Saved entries

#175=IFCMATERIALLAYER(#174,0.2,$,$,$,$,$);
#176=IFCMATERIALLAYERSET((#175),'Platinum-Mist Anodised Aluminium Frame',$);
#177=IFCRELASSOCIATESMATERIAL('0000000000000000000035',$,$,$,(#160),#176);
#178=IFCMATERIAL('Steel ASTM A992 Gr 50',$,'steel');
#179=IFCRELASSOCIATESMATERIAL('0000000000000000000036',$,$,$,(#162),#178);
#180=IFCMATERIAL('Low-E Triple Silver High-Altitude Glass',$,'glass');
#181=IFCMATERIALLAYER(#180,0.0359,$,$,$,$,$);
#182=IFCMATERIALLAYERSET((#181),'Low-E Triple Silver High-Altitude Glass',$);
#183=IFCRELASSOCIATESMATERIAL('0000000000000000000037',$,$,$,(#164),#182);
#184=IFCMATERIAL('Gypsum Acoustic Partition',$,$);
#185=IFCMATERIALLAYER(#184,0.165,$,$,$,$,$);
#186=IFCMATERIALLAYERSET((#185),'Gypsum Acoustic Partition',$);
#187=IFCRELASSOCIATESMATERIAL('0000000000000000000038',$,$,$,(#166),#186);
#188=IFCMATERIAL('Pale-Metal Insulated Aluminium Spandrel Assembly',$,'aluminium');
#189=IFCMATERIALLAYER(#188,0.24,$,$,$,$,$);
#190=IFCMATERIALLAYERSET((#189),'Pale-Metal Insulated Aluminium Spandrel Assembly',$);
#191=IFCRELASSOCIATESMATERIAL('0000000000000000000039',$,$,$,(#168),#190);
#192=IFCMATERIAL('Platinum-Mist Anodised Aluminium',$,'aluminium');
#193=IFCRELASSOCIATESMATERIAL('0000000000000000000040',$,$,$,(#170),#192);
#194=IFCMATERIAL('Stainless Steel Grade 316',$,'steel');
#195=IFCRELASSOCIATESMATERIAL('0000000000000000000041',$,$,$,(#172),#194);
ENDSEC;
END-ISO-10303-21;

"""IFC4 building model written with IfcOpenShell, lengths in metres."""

**What needs to be done**
A single number is the whole answer: the count of lines above that hold "Mist".

**Output of the task**
2